What is expected: Please repeat the lines below, exactly and only, from the one that holds "#119=IFCINDEXEDPOLYGONALFACE((3,4,8,7));" through the one that holds "#152=IFCINDEXEDPOLYGONALFACE((5,7,8,6));".
--- Task material ---
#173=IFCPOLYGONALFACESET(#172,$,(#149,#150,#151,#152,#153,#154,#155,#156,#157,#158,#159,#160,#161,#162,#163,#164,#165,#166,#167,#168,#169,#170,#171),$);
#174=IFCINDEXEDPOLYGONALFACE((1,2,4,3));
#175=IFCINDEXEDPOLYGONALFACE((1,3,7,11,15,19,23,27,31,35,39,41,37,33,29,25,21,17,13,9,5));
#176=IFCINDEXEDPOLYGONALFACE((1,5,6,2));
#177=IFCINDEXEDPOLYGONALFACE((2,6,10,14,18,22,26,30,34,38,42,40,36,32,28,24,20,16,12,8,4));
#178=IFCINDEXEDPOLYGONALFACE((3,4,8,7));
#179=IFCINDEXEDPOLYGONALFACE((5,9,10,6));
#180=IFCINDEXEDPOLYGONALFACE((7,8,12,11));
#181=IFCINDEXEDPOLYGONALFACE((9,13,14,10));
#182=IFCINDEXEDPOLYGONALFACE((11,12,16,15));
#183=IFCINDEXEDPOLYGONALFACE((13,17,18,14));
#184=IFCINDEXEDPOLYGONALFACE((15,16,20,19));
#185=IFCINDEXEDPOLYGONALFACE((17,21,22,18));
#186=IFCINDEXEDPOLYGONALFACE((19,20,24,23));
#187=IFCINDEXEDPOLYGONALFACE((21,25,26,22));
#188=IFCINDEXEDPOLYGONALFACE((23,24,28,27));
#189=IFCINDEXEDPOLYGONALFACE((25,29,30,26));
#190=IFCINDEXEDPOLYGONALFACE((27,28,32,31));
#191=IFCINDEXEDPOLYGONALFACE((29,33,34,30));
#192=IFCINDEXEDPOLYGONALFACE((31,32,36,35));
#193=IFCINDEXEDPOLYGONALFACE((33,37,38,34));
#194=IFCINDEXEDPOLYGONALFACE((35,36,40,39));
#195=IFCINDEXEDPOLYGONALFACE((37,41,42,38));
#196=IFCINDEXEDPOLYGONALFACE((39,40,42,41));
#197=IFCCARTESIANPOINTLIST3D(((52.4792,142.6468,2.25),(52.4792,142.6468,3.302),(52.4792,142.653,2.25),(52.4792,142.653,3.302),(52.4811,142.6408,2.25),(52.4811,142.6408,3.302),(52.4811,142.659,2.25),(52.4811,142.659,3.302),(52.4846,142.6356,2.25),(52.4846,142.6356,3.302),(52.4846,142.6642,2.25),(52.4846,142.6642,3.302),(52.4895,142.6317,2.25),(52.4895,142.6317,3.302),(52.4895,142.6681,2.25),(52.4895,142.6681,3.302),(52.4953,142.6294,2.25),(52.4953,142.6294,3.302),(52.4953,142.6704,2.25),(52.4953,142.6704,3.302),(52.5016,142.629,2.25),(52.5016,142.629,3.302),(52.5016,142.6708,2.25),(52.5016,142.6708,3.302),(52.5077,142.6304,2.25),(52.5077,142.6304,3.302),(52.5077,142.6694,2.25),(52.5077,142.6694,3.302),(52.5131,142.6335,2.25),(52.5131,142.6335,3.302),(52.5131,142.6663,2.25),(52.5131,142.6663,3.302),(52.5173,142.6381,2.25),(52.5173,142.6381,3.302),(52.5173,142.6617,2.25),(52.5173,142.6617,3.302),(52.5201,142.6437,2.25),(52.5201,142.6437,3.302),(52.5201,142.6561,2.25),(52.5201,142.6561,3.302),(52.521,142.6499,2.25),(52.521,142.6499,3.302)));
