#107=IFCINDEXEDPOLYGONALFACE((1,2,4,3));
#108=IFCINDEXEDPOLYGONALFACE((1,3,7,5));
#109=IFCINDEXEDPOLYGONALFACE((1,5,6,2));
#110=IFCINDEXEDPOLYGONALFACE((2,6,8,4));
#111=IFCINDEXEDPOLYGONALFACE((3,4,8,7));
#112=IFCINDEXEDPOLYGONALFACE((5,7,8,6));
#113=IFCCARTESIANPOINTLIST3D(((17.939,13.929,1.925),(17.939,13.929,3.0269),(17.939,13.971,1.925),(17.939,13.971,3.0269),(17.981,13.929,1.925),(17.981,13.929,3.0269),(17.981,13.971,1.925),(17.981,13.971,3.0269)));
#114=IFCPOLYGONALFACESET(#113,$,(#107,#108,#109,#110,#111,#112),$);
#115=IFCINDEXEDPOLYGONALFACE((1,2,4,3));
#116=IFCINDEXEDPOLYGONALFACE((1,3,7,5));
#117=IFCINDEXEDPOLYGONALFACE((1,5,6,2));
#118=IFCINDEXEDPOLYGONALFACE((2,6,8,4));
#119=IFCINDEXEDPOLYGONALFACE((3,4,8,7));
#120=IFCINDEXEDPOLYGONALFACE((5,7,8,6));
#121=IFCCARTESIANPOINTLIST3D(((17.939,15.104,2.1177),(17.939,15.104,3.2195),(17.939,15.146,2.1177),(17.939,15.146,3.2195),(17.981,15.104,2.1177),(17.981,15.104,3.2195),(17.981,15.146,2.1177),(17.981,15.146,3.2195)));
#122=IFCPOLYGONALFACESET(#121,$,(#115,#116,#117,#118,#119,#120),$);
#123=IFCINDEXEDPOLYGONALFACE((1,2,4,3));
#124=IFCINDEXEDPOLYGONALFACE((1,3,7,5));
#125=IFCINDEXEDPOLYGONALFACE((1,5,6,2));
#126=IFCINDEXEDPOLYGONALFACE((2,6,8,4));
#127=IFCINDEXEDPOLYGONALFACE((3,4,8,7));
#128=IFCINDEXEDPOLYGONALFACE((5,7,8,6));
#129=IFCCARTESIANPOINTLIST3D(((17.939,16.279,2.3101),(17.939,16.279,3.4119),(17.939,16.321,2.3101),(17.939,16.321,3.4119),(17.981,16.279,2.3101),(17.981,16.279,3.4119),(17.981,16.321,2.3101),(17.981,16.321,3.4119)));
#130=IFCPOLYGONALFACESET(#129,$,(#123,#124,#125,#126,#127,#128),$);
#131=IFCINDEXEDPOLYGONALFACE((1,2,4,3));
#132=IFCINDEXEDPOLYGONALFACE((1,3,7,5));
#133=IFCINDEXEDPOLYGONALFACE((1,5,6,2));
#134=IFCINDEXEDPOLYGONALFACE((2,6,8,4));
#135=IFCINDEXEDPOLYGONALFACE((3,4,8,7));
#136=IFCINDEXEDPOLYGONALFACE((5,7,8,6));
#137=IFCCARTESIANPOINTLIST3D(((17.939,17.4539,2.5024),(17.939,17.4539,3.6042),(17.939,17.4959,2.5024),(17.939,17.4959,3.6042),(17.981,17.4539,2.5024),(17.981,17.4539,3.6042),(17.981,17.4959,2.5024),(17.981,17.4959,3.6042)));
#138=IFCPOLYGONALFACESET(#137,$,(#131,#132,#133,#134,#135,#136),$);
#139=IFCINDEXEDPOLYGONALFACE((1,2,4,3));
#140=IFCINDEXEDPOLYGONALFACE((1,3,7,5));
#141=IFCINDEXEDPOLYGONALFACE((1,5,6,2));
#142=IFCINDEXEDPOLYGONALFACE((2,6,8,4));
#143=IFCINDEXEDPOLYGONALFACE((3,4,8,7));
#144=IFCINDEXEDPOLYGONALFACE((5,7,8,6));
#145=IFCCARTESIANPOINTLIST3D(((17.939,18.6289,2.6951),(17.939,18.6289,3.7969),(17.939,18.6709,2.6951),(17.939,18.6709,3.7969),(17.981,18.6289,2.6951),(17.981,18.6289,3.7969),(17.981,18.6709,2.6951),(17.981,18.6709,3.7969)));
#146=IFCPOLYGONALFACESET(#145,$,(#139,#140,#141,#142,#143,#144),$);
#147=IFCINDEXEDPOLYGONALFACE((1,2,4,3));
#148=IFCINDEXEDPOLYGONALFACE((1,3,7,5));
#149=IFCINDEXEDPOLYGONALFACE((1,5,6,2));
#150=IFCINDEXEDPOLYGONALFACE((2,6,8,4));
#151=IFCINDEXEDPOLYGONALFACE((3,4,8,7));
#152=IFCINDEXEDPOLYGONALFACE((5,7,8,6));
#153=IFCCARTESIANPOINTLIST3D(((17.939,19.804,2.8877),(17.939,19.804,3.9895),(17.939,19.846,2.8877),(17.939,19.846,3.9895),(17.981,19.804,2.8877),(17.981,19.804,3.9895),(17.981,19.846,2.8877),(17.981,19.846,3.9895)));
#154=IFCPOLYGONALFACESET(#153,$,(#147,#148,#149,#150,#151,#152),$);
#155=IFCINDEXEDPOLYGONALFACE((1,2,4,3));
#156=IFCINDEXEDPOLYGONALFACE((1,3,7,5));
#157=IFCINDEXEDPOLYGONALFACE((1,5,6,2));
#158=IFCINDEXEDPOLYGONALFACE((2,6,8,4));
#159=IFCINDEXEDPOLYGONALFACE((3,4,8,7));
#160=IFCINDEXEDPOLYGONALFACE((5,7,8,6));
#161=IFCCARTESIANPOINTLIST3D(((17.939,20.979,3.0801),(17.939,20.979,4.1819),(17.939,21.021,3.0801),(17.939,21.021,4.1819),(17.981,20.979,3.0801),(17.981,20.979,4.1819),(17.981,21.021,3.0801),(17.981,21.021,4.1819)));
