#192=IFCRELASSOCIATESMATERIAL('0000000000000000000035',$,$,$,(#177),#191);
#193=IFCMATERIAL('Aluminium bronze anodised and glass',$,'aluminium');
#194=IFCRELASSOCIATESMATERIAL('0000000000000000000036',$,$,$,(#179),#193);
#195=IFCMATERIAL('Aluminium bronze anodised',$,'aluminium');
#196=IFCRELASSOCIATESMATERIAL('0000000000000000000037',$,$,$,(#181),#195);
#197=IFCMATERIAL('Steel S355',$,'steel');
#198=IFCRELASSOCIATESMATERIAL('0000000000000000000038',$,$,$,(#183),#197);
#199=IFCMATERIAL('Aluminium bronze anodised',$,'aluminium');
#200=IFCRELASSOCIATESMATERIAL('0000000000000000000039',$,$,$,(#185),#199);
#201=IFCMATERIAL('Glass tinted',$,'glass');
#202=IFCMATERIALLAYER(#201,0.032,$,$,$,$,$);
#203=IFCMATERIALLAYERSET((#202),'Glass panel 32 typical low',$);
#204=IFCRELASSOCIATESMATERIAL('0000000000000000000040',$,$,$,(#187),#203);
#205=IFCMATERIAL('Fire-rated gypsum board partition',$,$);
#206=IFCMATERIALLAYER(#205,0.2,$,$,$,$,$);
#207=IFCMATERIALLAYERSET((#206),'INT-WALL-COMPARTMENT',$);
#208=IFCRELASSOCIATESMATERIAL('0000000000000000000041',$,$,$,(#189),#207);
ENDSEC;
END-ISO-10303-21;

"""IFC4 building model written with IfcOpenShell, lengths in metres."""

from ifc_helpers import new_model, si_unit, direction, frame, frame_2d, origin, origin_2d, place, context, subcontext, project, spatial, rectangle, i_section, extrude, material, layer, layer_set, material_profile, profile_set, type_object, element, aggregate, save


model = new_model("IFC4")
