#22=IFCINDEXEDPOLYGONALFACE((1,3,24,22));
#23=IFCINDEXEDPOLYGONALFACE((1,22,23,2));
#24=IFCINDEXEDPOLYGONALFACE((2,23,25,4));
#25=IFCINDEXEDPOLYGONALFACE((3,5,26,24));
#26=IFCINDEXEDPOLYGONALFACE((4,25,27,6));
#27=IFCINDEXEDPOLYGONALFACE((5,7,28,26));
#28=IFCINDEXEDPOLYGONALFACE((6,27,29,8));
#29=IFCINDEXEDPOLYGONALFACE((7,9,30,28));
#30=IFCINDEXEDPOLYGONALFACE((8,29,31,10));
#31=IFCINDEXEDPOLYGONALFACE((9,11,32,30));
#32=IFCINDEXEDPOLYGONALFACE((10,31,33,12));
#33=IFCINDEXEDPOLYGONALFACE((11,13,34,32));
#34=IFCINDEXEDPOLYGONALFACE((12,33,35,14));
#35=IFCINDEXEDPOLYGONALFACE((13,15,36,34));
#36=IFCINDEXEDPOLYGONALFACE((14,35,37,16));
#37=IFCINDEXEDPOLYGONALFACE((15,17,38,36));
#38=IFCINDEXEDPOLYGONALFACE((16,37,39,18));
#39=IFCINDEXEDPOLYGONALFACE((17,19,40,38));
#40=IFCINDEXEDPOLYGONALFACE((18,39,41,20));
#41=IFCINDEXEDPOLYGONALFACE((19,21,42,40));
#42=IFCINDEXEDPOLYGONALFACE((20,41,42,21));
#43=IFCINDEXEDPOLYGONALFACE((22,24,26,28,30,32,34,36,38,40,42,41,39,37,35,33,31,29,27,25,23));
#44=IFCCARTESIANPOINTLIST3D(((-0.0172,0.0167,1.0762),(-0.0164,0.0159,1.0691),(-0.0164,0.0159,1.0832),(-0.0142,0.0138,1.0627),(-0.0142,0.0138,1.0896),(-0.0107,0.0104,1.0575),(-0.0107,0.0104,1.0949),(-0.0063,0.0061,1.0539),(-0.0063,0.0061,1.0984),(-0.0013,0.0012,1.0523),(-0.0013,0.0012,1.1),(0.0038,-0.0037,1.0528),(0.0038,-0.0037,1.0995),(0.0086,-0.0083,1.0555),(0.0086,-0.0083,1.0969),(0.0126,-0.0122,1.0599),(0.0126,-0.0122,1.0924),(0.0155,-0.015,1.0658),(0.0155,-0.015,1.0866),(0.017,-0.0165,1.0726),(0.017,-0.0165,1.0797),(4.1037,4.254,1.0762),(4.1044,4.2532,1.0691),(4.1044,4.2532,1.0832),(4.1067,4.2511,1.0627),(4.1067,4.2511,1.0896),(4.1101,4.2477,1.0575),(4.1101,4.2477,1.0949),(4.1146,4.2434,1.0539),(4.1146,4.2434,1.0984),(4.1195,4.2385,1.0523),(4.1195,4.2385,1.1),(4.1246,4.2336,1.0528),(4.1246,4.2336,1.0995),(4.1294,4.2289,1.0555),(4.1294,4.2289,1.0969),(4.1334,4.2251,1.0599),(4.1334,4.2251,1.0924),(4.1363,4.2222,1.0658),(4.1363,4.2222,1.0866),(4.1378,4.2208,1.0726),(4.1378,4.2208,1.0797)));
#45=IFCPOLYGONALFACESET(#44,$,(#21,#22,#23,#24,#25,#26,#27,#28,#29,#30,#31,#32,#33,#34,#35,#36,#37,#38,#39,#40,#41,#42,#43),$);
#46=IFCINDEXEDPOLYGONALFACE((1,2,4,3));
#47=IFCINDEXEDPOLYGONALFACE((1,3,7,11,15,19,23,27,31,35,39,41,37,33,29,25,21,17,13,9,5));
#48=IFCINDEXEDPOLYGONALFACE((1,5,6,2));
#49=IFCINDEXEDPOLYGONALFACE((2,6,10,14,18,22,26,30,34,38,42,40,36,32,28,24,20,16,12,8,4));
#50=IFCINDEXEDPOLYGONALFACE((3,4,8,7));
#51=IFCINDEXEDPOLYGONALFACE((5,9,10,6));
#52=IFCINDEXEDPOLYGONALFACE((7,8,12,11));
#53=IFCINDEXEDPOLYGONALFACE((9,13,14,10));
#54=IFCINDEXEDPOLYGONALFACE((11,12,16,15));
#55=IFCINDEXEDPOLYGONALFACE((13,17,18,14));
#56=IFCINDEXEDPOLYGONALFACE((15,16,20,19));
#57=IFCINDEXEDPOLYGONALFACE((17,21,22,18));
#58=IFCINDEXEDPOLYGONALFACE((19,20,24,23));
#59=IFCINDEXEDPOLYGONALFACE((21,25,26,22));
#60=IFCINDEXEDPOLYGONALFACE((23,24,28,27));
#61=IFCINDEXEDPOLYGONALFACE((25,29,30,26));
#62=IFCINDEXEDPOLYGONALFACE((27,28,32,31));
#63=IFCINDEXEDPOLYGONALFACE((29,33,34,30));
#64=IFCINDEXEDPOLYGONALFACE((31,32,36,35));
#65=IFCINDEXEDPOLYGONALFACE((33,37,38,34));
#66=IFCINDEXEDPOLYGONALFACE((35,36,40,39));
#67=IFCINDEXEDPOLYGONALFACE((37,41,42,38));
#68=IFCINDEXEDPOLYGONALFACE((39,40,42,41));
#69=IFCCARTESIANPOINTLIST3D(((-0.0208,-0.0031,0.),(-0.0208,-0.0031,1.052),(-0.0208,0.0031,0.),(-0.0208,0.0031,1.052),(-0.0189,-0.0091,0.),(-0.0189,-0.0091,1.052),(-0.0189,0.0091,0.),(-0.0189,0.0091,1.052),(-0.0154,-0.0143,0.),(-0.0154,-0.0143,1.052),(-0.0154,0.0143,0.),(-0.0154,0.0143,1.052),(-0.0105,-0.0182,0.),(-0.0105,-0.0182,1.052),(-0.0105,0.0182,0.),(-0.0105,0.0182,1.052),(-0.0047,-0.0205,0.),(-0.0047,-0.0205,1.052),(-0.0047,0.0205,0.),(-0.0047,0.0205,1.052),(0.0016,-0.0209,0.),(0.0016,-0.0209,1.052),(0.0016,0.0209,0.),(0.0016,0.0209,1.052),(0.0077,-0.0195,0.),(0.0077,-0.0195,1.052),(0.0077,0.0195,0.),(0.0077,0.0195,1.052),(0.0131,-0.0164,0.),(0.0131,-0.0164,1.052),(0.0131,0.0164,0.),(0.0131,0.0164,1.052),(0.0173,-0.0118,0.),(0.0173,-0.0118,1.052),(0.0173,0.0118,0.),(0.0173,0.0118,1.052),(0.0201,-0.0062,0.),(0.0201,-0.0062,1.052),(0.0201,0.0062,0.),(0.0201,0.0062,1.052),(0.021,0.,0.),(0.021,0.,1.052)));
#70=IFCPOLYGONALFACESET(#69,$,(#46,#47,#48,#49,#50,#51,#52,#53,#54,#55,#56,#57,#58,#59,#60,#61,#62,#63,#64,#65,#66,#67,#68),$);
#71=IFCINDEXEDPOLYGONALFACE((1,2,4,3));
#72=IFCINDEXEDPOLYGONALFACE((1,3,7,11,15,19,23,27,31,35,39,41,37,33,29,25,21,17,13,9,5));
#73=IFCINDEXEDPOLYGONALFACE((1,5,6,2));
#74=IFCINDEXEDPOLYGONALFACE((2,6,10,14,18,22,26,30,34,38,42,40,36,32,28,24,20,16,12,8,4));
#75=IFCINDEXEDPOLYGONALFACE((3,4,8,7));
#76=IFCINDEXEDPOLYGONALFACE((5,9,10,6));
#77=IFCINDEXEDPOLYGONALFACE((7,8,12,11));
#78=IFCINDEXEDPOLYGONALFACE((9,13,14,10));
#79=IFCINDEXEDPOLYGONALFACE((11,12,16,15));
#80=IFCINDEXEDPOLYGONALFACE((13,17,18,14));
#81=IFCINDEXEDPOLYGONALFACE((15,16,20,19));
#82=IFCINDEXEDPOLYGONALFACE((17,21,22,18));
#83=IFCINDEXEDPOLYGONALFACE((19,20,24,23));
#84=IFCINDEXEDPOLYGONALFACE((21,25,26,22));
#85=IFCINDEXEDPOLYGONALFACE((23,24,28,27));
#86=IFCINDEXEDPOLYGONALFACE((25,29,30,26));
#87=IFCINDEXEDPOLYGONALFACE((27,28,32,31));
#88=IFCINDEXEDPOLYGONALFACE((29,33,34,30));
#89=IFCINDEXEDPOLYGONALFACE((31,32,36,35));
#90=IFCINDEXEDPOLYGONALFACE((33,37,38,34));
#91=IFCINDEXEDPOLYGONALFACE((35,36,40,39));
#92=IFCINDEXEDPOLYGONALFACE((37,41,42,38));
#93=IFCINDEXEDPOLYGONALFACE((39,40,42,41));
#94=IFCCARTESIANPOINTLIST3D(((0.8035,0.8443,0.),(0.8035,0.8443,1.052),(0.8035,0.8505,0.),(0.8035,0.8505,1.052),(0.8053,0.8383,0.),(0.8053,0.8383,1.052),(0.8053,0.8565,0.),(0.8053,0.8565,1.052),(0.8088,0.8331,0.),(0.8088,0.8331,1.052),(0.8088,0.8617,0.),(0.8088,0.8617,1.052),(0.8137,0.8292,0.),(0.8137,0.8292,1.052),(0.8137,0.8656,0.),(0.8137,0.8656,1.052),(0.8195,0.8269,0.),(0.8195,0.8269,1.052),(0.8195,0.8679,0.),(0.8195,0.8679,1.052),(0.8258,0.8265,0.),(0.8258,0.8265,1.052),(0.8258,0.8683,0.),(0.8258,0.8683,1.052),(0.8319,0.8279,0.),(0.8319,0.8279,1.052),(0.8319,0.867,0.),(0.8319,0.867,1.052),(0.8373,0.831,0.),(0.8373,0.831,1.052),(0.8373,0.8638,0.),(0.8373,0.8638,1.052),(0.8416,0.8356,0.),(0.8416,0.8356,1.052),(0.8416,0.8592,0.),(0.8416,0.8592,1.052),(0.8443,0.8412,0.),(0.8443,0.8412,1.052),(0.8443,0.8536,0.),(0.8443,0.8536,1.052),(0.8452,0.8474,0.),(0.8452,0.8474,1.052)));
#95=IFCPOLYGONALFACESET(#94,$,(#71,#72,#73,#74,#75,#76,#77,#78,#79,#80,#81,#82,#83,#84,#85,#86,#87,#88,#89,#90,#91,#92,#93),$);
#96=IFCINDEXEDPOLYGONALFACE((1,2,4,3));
---
Response to this exercise:
#119=IFCINDEXEDPOLYGONALFACE((3,4,8,7));
#120=IFCINDEXEDPOLYGONALFACE((5,7,8,6));
#121=IFCCARTESIANPOINTLIST3D(((17.939,15.104,2.1177),(17.939,15.104,3.2195),(17.939,15.146,2.1177),(17.939,15.146,3.2195),(17.981,15.104,2.1177),(17.981,15.104,3.2195),(17.981,15.146,2.1177),(17.981,15.146,3.2195)));
#122=IFCPOLYGONALFACESET(#121,$,(#115,#116,#117,#118,#119,#120),$);
#123=IFCINDEXEDPOLYGONALFACE((1,2,4,3));
#124=IFCINDEXEDPOLYGONALFACE((1,3,7,5));
#125=IFCINDEXEDPOLYGONALFACE((1,5,6,2));
#126=IFCINDEXEDPOLYGONALFACE((2,6,8,4));
#127=IFCINDEXEDPOLYGONALFACE((3,4,8,7));
#128=IFCINDEXEDPOLYGONALFACE((5,7,8,6));
#129=IFCCARTESIANPOINTLIST3D(((17.939,16.279,2.3101),(17.939,16.279,3.4119),(17.939,16.321,2.3101),(17.939,16.321,3.4119),(17.981,16.279,2.3101),(17.981,16.279,3.4119),(17.981,16.321,2.3101),(17.981,16.321,3.4119)));
#130=IFCPOLYGONALFACESET(#129,$,(#123,#124,#125,#126,#127,#128),$);
#131=IFCINDEXEDPOLYGONALFACE((1,2,4,3));
#132=IFCINDEXEDPOLYGONALFACE((1,3,7,5));
#133=IFCINDEXEDPOLYGONALFACE((1,5,6,2));
#134=IFCINDEXEDPOLYGONALFACE((2,6,8,4));
#135=IFCINDEXEDPOLYGONALFACE((3,4,8,7));
#136=IFCINDEXEDPOLYGONALFACE((5,7,8,6));
#137=IFCCARTESIANPOINTLIST3D(((17.939,17.4539,2.5024),(17.939,17.4539,3.6042),(17.939,17.4959,2.5024),(17.939,17.4959,3.6042),(17.981,17.4539,2.5024),(17.981,17.4539,3.6042),(17.981,17.4959,2.5024),(17.981,17.4959,3.6042)));
#138=IFCPOLYGONALFACESET(#137,$,(#131,#132,#133,#134,#135,#136),$);
#139=IFCINDEXEDPOLYGONALFACE((1,2,4,3));
#140=IFCINDEXEDPOLYGONALFACE((1,3,7,5));
#141=IFCINDEXEDPOLYGONALFACE((1,5,6,2));
#142=IFCINDEXEDPOLYGONALFACE((2,6,8,4));
#143=IFCINDEXEDPOLYGONALFACE((3,4,8,7));
#144=IFCINDEXEDPOLYGONALFACE((5,7,8,6));
#145=IFCCARTESIANPOINTLIST3D(((17.939,18.6289,2.6951),(17.939,18.6289,3.7969),(17.939,18.6709,2.6951),(17.939,18.6709,3.7969),(17.981,18.6289,2.6951),(17.981,18.6289,3.7969),(17.981,18.6709,2.6951),(17.981,18.6709,3.7969)));
#146=IFCPOLYGONALFACESET(#145,$,(#139,#140,#141,#142,#143,#144),$);
#147=IFCINDEXEDPOLYGONALFACE((1,2,4,3));
#148=IFCINDEXEDPOLYGONALFACE((1,3,7,5));
#149=IFCINDEXEDPOLYGONALFACE((1,5,6,2));
#150=IFCINDEXEDPOLYGONALFACE((2,6,8,4));
#151=IFCINDEXEDPOLYGONALFACE((3,4,8,7));
#152=IFCINDEXEDPOLYGONALFACE((5,7,8,6));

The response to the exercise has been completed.